Write out exactly what each line says, starting with the first line below and ending on the one with "# Units and contexts".

[Dataset entries]
....................
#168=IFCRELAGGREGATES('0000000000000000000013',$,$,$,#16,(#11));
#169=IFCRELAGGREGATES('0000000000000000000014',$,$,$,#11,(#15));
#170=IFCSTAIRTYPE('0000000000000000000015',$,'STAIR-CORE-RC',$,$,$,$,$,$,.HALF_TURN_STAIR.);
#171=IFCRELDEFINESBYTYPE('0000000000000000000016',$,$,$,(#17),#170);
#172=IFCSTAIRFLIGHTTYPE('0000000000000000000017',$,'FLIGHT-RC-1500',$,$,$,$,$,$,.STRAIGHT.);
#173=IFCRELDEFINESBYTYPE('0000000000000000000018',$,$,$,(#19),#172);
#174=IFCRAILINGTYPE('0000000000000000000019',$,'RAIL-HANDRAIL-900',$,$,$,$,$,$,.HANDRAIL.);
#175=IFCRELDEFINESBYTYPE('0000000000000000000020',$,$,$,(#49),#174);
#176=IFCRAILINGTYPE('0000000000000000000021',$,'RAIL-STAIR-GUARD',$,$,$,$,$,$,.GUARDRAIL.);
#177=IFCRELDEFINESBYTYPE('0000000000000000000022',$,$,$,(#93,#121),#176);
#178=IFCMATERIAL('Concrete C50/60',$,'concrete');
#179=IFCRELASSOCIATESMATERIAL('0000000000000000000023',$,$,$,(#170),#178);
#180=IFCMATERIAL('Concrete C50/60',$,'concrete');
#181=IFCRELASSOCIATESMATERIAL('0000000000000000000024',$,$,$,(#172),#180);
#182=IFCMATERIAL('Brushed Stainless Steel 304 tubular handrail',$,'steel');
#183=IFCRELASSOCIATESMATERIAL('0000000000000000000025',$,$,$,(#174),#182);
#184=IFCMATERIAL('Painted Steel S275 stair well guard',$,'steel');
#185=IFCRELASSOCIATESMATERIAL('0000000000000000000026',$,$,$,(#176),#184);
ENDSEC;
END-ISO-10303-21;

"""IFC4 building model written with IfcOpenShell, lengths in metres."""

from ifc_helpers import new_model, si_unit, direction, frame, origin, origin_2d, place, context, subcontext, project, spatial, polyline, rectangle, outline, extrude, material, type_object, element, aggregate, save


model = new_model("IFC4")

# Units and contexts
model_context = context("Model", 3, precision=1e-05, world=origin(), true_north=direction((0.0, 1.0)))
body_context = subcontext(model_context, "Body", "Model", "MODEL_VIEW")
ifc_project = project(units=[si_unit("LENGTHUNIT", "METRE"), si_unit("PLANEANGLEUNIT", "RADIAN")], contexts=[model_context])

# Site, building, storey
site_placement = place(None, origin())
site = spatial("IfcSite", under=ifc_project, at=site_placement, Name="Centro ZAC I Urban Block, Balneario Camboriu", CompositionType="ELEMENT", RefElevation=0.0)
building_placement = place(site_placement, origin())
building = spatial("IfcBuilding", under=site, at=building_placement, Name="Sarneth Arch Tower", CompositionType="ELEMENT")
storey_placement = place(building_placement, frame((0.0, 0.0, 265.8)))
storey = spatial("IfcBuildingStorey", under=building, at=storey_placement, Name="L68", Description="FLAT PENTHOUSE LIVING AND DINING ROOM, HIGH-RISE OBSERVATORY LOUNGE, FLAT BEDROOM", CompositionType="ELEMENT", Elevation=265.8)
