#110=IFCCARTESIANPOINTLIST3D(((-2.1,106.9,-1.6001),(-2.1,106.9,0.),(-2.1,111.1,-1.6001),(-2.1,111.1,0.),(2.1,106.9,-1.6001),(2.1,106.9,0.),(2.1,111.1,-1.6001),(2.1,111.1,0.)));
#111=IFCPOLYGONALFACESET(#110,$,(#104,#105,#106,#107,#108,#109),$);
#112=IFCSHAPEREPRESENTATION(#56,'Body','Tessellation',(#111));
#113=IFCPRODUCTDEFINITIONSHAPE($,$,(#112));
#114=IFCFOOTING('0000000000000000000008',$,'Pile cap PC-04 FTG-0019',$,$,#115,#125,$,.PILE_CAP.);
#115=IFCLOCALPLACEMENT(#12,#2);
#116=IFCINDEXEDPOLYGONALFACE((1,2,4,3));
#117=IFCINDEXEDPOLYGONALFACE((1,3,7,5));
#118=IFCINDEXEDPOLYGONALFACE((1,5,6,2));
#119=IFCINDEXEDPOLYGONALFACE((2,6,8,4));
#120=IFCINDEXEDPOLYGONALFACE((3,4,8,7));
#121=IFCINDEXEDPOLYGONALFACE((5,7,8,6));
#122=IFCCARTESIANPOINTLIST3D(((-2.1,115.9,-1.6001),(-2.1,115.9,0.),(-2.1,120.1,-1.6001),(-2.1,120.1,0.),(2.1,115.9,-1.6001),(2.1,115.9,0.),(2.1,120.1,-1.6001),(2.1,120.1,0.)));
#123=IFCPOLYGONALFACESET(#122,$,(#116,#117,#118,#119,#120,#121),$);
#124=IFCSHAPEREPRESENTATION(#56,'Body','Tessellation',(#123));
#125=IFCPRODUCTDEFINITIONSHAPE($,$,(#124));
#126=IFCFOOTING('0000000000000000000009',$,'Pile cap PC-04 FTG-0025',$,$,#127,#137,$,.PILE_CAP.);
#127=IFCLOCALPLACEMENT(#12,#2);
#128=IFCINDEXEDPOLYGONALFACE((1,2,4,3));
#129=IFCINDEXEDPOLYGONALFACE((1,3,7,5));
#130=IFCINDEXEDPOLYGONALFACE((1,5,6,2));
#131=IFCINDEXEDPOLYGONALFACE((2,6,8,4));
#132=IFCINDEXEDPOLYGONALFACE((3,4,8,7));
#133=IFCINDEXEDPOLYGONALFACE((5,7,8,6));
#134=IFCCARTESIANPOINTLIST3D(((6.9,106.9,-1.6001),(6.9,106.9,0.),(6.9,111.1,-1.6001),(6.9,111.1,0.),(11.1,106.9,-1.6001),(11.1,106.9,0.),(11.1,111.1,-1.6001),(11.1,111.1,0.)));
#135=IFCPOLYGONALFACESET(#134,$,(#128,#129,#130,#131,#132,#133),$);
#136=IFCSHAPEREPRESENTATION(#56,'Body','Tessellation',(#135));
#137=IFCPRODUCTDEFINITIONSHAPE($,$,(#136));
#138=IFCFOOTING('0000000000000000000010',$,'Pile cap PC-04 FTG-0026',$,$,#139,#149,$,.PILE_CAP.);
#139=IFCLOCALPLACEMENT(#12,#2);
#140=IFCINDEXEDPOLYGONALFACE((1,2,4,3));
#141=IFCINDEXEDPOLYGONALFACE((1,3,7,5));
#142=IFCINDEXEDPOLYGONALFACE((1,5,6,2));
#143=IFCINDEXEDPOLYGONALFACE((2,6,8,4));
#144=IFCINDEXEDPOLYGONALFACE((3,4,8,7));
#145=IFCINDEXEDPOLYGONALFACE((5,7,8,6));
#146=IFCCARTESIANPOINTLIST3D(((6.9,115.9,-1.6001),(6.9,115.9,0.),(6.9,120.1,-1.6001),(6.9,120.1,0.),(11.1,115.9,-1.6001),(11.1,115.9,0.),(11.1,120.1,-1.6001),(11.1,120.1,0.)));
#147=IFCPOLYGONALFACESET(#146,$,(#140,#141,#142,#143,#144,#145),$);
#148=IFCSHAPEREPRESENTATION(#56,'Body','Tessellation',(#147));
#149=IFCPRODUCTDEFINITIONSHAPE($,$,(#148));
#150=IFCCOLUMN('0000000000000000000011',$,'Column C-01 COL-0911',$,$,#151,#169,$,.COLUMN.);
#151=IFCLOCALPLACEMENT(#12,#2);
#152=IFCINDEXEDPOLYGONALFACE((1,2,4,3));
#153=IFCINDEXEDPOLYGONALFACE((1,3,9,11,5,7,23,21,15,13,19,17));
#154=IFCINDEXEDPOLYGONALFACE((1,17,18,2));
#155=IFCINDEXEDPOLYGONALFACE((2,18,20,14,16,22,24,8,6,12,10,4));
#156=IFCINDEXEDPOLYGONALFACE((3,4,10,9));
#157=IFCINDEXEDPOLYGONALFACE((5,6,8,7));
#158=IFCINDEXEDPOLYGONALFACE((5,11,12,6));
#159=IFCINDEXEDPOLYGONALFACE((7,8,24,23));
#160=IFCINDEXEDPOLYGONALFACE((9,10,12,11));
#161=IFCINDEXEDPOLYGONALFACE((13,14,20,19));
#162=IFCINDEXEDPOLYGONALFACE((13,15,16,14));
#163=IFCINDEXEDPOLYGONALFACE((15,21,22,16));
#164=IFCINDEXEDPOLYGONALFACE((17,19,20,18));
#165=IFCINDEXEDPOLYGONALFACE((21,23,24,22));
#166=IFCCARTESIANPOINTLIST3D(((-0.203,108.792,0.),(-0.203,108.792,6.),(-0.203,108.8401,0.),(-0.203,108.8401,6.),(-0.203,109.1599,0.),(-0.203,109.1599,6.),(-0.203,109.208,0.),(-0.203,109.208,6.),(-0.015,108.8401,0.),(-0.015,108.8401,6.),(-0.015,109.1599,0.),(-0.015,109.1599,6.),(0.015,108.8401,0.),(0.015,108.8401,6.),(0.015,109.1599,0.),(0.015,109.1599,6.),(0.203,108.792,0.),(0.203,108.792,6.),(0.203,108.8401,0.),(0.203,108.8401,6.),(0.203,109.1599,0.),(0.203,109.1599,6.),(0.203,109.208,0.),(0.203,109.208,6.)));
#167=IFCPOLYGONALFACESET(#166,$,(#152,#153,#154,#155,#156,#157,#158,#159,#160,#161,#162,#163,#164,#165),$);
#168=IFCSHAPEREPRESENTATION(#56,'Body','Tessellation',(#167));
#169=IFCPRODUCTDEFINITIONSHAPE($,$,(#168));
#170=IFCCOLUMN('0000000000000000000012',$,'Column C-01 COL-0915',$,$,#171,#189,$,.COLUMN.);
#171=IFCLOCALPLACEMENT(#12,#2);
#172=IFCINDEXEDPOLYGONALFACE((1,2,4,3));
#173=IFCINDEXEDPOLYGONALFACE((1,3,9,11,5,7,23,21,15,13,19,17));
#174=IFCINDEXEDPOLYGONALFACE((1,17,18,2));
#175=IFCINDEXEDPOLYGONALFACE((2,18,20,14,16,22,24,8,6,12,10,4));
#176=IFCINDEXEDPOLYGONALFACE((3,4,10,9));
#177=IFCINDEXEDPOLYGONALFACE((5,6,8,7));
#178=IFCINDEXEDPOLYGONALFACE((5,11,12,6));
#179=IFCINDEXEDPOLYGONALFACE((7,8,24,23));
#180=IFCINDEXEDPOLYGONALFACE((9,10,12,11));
....................
** Result for this task **
#168=IFCRELAGGREGATES('0000000000000000000013',$,$,$,#16,(#11));
#169=IFCRELAGGREGATES('0000000000000000000014',$,$,$,#11,(#15));
#170=IFCSTAIRTYPE('0000000000000000000015',$,'STAIR-CORE-RC',$,$,$,$,$,$,.HALF_TURN_STAIR.);
#171=IFCRELDEFINESBYTYPE('0000000000000000000016',$,$,$,(#17),#170);
#172=IFCSTAIRFLIGHTTYPE('0000000000000000000017',$,'FLIGHT-RC-1500',$,$,$,$,$,$,.STRAIGHT.);
#173=IFCRELDEFINESBYTYPE('0000000000000000000018',$,$,$,(#19),#172);
#174=IFCRAILINGTYPE('0000000000000000000019',$,'RAIL-HANDRAIL-900',$,$,$,$,$,$,.HANDRAIL.);
#175=IFCRELDEFINESBYTYPE('0000000000000000000020',$,$,$,(#49),#174);
#176=IFCRAILINGTYPE('0000000000000000000021',$,'RAIL-STAIR-GUARD',$,$,$,$,$,$,.GUARDRAIL.);
#177=IFCRELDEFINESBYTYPE('0000000000000000000022',$,$,$,(#93,#121),#176);
#178=IFCMATERIAL('Concrete C50/60',$,'concrete');
#179=IFCRELASSOCIATESMATERIAL('0000000000000000000023',$,$,$,(#170),#178);
#180=IFCMATERIAL('Concrete C50/60',$,'concrete');
#181=IFCRELASSOCIATESMATERIAL('0000000000000000000024',$,$,$,(#172),#180);
#182=IFCMATERIAL('Brushed Stainless Steel 304 tubular handrail',$,'steel');
#183=IFCRELASSOCIATESMATERIAL('0000000000000000000025',$,$,$,(#174),#182);
#184=IFCMATERIAL('Painted Steel S275 stair well guard',$,'steel');
#185=IFCRELASSOCIATESMATERIAL('0000000000000000000026',$,$,$,(#176),#184);
ENDSEC;
END-ISO-10303-21;

"""IFC4 building model written with IfcOpenShell, lengths in metres."""

from ifc_helpers import new_model, si_unit, direction, frame, origin, origin_2d, place, context, subcontext, project, spatial, polyline, rectangle, outline, extrude, material, type_object, element, aggregate, save


model = new_model("IFC4")

# Units and contexts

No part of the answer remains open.